━━━━━ Dataset records ━━━━━

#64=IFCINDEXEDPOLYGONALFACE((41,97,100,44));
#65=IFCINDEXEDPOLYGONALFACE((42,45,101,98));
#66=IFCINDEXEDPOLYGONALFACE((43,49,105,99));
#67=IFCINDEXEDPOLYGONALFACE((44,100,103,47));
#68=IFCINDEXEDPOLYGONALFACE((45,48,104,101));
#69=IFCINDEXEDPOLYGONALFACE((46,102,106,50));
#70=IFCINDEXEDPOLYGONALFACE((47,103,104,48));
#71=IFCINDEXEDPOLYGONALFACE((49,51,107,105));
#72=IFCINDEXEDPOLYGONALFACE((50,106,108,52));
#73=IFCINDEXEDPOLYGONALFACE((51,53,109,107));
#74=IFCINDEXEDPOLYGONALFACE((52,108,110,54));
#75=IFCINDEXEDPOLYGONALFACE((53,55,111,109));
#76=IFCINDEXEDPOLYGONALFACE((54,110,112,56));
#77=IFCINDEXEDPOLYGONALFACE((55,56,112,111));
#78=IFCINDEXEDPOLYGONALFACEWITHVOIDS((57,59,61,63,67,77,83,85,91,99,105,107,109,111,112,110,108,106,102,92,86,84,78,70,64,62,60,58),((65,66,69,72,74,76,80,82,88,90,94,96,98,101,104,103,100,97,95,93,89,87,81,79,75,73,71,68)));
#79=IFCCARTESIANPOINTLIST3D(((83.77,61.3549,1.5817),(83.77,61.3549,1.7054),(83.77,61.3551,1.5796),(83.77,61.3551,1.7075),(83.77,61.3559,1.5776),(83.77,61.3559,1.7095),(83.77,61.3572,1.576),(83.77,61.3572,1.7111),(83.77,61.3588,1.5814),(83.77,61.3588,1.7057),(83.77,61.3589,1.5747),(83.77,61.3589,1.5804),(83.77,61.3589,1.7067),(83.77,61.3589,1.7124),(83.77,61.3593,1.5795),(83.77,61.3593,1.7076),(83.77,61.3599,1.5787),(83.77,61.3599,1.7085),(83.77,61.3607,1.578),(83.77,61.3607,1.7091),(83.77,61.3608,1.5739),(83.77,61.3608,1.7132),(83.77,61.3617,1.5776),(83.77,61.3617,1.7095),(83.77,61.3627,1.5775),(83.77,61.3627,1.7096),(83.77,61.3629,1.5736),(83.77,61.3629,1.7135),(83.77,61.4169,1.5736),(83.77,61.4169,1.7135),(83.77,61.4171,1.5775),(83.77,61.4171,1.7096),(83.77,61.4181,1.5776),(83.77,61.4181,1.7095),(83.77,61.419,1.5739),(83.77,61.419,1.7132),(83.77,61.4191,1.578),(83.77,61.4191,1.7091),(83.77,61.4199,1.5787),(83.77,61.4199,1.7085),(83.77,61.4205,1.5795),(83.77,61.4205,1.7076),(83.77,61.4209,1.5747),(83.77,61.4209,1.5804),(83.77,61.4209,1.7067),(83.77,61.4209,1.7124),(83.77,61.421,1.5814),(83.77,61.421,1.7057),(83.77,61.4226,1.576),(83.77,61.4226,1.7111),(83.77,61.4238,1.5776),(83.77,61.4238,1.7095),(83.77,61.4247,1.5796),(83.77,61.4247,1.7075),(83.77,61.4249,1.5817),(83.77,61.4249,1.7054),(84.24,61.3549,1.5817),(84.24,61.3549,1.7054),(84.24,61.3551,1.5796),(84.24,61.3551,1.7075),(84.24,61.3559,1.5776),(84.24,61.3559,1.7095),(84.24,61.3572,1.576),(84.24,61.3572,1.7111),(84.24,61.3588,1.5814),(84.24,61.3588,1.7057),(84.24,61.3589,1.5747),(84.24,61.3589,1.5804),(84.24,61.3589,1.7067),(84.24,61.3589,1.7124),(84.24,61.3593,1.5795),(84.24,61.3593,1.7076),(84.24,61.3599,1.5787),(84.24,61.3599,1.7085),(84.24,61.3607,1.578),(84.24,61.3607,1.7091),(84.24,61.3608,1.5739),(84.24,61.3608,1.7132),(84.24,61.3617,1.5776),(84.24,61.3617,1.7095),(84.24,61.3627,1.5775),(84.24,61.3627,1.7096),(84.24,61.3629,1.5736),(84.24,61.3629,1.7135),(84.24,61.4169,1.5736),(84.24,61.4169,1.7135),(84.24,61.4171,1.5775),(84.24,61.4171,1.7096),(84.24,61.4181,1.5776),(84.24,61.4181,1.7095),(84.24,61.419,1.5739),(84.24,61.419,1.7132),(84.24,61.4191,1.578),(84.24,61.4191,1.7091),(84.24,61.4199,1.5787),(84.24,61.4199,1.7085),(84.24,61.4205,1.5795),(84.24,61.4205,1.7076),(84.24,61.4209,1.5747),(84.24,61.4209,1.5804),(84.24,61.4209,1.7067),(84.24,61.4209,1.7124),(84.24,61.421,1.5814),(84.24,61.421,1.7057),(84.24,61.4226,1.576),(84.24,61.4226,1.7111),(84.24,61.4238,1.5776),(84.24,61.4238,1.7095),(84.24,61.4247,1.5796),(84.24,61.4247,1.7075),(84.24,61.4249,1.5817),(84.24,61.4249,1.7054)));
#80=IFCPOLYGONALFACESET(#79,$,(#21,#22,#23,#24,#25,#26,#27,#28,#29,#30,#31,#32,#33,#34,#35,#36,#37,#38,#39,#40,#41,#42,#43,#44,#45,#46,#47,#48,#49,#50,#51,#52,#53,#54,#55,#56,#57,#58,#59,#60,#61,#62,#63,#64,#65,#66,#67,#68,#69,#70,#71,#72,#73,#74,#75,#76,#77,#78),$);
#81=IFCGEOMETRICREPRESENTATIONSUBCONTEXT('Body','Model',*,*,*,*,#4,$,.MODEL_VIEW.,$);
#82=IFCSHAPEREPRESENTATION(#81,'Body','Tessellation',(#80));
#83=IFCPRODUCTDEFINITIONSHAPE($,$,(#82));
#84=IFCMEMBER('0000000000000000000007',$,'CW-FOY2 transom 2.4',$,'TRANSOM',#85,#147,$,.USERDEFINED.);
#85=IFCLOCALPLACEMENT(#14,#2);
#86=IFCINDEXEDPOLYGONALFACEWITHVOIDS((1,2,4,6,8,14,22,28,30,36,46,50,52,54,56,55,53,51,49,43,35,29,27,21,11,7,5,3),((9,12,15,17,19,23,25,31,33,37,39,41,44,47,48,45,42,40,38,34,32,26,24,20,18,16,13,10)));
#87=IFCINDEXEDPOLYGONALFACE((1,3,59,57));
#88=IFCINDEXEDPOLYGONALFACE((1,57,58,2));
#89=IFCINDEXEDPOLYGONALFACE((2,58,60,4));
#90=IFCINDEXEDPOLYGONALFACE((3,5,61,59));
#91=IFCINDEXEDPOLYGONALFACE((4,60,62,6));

━━━━━

§ Task to carry out: Among the records, find every line holding the word "IFCINDEXEDPOLYGONALFACEWITHVOIDS" and copy it.

§ Solution for this task:
#78=IFCINDEXEDPOLYGONALFACEWITHVOIDS((57,59,61,63,67,77,83,85,91,99,105,107,109,111,112,110,108,106,102,92,86,84,78,70,64,62,60,58),((65,66,69,72,74,76,80,82,88,90,94,96,98,101,104,103,100,97,95,93,89,87,81,79,75,73,71,68)));
#86=IFCINDEXEDPOLYGONALFACEWITHVOIDS((1,2,4,6,8,14,22,28,30,36,46,50,52,54,56,55,53,51,49,43,35,29,27,21,11,7,5,3),((9,12,15,17,19,23,25,31,33,37,39,41,44,47,48,45,42,40,38,34,32,26,24,20,18,16,13,10)));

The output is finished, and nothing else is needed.